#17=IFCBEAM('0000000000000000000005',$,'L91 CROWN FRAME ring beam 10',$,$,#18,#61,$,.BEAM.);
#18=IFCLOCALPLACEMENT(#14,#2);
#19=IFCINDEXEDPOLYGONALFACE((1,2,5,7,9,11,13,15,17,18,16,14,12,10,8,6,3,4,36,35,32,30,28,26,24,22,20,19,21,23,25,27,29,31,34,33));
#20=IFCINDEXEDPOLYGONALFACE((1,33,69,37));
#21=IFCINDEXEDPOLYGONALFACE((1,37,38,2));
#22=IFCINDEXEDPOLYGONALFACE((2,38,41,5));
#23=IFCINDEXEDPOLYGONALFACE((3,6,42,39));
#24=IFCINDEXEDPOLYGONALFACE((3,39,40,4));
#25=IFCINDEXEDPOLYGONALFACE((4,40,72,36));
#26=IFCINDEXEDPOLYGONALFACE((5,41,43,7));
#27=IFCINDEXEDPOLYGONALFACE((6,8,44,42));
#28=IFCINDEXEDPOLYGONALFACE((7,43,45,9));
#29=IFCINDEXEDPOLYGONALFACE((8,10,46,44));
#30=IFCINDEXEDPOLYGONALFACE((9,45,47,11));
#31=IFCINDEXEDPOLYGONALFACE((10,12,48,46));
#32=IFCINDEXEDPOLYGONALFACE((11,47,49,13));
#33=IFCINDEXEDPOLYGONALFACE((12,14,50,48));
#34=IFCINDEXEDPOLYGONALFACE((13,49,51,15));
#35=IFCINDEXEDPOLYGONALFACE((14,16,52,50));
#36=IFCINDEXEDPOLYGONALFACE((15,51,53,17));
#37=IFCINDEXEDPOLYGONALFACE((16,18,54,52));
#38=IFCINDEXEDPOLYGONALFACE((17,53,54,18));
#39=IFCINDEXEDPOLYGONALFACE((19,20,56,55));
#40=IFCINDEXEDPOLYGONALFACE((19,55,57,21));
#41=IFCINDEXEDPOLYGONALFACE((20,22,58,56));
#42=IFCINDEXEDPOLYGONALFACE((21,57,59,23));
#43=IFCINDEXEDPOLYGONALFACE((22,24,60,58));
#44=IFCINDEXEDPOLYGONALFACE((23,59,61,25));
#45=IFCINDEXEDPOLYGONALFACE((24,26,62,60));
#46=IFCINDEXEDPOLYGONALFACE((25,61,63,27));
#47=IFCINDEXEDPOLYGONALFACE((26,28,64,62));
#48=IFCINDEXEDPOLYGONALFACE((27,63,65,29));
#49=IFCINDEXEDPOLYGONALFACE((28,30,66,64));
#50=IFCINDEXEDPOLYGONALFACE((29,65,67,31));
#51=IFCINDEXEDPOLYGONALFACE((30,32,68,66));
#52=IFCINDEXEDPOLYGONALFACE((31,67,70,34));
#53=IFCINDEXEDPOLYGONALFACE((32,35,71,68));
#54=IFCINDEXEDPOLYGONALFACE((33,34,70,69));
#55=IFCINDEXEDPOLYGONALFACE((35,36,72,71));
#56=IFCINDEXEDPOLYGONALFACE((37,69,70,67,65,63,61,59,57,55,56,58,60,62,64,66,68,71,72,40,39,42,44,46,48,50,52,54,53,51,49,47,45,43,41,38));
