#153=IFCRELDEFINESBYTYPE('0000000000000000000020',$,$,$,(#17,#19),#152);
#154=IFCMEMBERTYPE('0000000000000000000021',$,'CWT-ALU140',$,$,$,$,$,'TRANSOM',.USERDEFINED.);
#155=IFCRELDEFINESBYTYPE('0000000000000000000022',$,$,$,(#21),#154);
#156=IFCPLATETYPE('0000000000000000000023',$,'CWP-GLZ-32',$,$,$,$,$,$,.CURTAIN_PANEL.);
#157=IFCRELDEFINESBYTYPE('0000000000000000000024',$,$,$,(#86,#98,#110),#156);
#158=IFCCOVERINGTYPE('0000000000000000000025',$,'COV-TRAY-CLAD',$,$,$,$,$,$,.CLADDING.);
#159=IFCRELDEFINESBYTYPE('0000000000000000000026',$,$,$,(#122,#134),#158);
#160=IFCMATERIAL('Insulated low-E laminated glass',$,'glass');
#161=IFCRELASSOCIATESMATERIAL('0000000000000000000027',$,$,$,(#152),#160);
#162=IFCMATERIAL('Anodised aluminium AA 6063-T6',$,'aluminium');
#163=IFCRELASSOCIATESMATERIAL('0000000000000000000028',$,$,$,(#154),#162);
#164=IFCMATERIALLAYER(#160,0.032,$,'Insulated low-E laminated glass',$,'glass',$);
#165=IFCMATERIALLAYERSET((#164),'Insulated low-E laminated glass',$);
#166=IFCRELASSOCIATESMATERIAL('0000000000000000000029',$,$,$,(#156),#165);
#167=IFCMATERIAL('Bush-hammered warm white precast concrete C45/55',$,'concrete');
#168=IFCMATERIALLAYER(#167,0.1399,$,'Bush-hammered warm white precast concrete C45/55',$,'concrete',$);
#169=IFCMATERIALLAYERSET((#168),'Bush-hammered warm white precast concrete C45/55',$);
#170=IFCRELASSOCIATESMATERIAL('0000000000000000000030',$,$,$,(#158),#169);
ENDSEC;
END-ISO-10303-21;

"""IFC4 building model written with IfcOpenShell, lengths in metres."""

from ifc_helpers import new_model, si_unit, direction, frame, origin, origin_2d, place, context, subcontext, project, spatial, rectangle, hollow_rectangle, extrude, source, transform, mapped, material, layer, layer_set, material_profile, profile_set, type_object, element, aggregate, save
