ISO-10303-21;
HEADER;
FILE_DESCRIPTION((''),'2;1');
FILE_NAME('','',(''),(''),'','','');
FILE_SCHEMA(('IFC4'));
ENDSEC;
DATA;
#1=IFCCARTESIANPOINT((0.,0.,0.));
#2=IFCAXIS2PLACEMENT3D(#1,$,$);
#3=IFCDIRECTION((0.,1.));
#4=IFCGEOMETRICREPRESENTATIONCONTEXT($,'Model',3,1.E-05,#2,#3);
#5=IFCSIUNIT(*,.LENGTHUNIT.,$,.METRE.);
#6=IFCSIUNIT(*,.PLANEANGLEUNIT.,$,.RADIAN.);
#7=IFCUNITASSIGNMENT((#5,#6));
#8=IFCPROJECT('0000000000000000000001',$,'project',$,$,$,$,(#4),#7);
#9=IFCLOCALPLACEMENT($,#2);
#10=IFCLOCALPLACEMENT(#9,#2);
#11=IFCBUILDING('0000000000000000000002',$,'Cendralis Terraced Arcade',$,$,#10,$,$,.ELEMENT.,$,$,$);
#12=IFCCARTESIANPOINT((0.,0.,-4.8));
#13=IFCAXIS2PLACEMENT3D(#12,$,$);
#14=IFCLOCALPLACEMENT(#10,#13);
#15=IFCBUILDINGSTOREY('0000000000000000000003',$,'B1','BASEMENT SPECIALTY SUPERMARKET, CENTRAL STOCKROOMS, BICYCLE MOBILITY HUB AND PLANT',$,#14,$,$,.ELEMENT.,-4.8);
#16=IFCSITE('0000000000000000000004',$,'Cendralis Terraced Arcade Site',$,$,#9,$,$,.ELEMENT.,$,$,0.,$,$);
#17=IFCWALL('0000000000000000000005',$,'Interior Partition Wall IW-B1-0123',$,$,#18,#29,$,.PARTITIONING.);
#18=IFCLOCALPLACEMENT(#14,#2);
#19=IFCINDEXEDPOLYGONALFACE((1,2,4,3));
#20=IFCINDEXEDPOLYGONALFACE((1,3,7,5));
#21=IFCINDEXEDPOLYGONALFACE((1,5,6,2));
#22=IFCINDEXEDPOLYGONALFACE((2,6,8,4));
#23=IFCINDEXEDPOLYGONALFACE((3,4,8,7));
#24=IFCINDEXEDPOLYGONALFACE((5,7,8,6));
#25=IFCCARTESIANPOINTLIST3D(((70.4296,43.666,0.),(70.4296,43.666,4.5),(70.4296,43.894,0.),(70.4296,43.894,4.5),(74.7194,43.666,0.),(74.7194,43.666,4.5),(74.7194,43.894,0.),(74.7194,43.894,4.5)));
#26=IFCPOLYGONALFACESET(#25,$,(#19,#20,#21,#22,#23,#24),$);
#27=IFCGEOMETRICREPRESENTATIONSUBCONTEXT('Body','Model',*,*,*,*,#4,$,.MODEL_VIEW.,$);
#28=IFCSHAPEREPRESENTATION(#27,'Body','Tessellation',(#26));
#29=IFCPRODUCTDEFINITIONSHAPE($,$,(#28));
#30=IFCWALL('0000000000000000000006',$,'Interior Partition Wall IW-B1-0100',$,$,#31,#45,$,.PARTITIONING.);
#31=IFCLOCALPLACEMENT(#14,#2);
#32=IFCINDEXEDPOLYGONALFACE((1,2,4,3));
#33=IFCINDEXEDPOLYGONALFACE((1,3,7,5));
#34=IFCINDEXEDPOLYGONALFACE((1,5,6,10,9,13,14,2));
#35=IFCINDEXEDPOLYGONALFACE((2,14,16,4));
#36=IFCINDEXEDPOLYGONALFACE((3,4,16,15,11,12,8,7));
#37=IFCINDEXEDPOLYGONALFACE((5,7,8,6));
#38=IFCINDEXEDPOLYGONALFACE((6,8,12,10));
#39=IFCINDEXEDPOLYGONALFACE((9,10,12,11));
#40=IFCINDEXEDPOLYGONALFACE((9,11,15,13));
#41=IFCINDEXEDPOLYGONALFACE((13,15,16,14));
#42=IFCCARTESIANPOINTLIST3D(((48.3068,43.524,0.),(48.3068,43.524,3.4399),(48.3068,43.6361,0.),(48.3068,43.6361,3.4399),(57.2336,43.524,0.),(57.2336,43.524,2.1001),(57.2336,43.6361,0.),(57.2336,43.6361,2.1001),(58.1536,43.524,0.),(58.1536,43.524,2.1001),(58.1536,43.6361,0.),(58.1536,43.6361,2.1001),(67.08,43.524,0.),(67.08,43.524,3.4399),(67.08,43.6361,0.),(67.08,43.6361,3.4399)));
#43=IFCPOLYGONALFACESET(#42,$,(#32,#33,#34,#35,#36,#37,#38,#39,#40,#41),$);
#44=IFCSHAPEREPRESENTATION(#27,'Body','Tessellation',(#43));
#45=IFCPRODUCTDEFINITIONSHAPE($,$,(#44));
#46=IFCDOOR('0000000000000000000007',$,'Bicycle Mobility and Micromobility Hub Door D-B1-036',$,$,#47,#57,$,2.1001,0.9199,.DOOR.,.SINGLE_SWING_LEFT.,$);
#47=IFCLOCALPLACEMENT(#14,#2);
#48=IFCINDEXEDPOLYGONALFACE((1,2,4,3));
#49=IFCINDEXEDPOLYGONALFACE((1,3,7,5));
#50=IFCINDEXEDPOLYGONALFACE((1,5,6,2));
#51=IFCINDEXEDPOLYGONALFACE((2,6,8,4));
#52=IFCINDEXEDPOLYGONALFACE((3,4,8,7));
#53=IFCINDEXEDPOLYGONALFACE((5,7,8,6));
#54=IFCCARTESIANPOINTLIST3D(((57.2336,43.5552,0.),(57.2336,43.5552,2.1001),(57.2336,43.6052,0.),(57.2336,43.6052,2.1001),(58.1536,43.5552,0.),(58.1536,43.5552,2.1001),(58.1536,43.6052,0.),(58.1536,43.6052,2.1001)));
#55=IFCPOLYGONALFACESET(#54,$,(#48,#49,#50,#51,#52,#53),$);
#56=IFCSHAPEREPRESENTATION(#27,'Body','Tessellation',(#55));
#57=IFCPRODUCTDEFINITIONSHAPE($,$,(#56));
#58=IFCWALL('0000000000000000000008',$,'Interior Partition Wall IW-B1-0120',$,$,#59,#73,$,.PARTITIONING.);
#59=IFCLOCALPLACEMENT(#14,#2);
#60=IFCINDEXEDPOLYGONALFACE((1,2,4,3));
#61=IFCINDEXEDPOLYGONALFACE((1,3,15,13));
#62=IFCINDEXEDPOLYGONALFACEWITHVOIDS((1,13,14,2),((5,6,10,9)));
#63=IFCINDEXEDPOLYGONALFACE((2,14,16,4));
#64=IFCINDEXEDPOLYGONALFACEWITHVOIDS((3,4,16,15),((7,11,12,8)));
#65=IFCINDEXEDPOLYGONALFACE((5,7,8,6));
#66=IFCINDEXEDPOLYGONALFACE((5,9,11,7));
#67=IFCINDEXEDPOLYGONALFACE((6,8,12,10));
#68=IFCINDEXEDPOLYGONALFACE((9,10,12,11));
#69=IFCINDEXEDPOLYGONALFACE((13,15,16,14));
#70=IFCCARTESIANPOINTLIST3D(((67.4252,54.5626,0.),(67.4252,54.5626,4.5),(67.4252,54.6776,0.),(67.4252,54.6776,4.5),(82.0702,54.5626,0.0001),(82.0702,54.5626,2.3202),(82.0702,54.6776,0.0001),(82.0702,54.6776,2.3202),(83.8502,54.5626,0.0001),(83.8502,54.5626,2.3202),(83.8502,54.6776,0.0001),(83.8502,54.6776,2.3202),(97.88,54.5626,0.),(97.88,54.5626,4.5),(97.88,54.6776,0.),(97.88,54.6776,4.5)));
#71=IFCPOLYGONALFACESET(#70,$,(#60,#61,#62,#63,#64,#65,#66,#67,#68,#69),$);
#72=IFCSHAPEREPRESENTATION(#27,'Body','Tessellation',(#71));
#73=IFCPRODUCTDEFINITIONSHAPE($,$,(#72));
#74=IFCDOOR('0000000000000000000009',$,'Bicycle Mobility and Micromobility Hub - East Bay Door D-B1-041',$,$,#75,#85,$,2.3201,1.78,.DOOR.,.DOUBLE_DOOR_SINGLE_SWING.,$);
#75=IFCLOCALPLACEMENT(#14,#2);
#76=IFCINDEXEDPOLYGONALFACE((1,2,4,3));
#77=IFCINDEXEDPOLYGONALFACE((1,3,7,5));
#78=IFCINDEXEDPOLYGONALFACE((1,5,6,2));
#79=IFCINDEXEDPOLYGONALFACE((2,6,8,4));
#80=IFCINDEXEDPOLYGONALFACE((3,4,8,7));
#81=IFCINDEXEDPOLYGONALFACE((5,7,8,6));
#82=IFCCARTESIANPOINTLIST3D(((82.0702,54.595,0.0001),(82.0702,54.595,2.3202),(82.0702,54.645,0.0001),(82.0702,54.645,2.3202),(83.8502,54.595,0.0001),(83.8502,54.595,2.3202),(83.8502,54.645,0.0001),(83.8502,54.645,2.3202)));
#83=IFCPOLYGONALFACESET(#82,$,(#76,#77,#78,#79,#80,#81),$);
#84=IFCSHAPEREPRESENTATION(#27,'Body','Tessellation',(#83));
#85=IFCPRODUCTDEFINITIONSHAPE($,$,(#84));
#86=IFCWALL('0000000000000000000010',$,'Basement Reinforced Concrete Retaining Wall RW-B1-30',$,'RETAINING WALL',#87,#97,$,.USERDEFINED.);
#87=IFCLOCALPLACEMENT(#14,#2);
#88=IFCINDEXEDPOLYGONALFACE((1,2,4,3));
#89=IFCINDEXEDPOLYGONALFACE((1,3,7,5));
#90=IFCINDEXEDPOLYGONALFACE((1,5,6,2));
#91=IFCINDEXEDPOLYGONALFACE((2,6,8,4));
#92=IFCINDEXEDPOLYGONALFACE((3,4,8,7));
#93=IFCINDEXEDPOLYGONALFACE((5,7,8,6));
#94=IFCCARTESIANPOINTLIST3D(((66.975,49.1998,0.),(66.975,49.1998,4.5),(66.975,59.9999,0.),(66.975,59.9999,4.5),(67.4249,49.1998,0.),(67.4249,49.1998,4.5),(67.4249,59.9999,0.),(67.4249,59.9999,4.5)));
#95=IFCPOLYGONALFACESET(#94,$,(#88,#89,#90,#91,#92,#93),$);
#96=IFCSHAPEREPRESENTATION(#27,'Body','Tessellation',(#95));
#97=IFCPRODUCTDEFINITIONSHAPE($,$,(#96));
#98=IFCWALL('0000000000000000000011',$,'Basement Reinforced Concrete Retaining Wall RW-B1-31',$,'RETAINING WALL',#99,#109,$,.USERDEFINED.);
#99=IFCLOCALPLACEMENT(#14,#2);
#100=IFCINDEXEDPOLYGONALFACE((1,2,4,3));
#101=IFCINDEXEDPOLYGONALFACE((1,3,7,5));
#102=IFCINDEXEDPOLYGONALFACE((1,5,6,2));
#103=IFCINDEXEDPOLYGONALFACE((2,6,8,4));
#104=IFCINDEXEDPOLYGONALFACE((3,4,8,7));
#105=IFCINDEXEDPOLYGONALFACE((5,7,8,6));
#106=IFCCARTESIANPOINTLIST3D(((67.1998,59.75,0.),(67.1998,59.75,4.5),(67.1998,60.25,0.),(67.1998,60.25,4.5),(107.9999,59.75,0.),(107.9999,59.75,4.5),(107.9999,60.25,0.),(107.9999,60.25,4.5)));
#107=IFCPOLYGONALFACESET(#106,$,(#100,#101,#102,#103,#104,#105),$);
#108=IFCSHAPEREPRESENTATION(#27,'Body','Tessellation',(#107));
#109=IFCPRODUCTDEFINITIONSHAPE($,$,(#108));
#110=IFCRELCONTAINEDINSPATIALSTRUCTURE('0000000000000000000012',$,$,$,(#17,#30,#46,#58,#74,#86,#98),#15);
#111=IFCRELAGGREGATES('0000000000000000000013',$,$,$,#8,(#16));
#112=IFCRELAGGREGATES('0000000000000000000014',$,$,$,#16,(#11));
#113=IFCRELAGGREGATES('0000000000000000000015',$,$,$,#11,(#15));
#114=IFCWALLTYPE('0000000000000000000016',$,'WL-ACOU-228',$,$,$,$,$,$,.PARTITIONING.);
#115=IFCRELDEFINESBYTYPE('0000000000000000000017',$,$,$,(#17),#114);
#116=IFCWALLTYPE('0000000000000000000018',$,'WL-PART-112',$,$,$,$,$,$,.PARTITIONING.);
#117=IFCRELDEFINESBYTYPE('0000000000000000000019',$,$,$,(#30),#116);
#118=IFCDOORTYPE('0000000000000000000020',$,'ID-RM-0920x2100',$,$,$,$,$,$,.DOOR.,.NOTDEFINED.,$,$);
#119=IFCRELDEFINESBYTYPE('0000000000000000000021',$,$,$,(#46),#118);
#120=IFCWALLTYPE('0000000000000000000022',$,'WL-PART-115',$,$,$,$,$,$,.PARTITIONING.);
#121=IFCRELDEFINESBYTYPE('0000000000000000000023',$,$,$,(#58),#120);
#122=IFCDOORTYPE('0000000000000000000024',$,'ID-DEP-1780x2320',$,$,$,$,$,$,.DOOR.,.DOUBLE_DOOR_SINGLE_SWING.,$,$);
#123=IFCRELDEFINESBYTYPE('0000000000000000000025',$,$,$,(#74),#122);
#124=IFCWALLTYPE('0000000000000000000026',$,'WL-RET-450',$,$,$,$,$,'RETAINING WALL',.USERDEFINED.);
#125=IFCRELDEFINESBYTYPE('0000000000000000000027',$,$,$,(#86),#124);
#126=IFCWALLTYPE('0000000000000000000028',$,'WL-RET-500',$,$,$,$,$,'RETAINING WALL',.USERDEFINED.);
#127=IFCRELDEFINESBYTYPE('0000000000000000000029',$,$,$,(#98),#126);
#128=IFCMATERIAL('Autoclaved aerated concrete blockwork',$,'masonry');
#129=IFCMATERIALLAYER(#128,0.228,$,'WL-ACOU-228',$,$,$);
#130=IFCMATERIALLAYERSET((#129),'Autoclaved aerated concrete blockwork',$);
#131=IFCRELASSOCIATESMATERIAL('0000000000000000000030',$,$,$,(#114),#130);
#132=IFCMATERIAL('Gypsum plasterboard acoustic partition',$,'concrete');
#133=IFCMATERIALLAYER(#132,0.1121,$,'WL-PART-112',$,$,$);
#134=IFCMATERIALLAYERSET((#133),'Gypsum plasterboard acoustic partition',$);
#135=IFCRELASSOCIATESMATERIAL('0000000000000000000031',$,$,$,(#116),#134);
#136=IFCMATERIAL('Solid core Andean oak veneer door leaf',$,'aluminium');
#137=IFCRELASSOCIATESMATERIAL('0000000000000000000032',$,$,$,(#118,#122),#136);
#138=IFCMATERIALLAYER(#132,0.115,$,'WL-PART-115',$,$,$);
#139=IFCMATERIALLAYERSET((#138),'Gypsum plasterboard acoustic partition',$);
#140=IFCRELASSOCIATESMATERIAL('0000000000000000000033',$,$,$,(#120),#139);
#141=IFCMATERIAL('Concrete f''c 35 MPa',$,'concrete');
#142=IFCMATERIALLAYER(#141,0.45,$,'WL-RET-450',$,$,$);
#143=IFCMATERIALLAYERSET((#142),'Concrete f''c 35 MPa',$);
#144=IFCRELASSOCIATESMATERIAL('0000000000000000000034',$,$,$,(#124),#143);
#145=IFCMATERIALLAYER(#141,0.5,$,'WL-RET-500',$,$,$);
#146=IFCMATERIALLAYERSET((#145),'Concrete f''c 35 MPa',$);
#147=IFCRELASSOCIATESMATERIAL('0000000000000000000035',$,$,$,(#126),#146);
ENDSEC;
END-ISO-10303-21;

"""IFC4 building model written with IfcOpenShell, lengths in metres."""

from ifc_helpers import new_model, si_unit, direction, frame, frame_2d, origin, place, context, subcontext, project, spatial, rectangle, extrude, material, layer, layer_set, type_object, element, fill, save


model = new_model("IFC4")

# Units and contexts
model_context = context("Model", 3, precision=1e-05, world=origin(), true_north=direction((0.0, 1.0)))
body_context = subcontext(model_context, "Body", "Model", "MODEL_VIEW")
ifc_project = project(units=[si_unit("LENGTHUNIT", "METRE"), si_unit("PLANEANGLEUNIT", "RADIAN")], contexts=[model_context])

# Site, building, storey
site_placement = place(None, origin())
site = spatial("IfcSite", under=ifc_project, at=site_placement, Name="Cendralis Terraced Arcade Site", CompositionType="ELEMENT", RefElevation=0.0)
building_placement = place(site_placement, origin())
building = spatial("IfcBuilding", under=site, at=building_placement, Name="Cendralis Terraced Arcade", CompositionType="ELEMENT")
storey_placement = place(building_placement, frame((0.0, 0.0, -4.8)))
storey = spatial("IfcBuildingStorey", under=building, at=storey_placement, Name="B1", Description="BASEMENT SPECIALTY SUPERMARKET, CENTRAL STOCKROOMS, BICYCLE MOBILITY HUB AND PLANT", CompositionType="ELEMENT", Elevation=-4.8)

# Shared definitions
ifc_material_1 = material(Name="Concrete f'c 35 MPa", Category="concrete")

*-*-*

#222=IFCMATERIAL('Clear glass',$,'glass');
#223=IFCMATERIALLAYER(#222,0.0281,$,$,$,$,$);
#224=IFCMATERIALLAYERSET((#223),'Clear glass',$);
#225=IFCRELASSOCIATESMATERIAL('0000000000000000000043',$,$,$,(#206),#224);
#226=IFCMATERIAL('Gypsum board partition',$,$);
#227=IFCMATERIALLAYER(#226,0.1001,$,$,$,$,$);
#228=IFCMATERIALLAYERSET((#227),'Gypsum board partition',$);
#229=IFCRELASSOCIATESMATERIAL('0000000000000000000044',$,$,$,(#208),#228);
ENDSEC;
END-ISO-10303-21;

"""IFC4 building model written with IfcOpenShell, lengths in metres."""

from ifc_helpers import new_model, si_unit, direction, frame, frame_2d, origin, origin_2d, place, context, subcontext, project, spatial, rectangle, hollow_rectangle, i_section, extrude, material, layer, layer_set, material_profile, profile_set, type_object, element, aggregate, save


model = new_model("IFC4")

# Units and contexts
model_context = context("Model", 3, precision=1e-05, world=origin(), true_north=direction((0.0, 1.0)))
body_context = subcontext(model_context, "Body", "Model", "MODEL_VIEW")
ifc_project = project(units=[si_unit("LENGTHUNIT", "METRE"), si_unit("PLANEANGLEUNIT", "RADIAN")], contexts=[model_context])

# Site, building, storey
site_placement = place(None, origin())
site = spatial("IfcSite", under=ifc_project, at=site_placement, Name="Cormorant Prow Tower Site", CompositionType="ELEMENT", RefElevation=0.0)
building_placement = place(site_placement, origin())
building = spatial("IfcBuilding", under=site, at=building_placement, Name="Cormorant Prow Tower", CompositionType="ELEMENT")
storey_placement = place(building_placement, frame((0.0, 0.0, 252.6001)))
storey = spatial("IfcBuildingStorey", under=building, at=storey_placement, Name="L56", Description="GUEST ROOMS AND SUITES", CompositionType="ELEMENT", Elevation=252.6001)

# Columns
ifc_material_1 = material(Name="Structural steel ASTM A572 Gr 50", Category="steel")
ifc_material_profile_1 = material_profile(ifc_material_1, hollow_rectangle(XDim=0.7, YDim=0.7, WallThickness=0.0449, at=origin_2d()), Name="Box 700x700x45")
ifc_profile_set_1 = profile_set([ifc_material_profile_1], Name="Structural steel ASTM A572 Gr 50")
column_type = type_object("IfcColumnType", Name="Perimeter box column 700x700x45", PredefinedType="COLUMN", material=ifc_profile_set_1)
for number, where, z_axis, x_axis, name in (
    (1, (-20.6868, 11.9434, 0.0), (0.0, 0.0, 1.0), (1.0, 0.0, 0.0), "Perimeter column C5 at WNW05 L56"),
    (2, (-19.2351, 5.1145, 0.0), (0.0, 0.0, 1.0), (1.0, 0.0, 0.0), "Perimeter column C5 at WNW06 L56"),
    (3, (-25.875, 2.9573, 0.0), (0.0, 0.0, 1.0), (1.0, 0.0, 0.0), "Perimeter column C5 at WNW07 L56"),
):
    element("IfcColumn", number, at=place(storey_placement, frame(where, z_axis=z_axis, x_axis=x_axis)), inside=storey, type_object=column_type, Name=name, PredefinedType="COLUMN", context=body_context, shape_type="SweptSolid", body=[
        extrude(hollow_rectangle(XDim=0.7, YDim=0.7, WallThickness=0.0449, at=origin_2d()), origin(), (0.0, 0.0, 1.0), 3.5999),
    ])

*-*-*

What the task asks —
Find "#130=IFCMATERIALLAYERSET((#129),'Autoclaved aerated concrete" in the entries above and copy that whole line exactly, then each line after it through the line that contains "#142=IFCMATERIALLAYER(#141,0.45,$,'WL-RET-450',$,$,$);".

Answer for the task —
#130=IFCMATERIALLAYERSET((#129),'Autoclaved aerated concrete blockwork',$);
#131=IFCRELASSOCIATESMATERIAL('0000000000000000000030',$,$,$,(#114),#130);
#132=IFCMATERIAL('Gypsum plasterboard acoustic partition',$,'concrete');
#133=IFCMATERIALLAYER(#132,0.1121,$,'WL-PART-112',$,$,$);
#134=IFCMATERIALLAYERSET((#133),'Gypsum plasterboard acoustic partition',$);
#135=IFCRELASSOCIATESMATERIAL('0000000000000000000031',$,$,$,(#116),#134);
#136=IFCMATERIAL('Solid core Andean oak veneer door leaf',$,'aluminium');
#137=IFCRELASSOCIATESMATERIAL('0000000000000000000032',$,$,$,(#118,#122),#136);
#138=IFCMATERIALLAYER(#132,0.115,$,'WL-PART-115',$,$,$);
#139=IFCMATERIALLAYERSET((#138),'Gypsum plasterboard acoustic partition',$);
#140=IFCRELASSOCIATESMATERIAL('0000000000000000000033',$,$,$,(#120),#139);
#141=IFCMATERIAL('Concrete f''c 35 MPa',$,'concrete');
#142=IFCMATERIALLAYER(#141,0.45,$,'WL-RET-450',$,$,$);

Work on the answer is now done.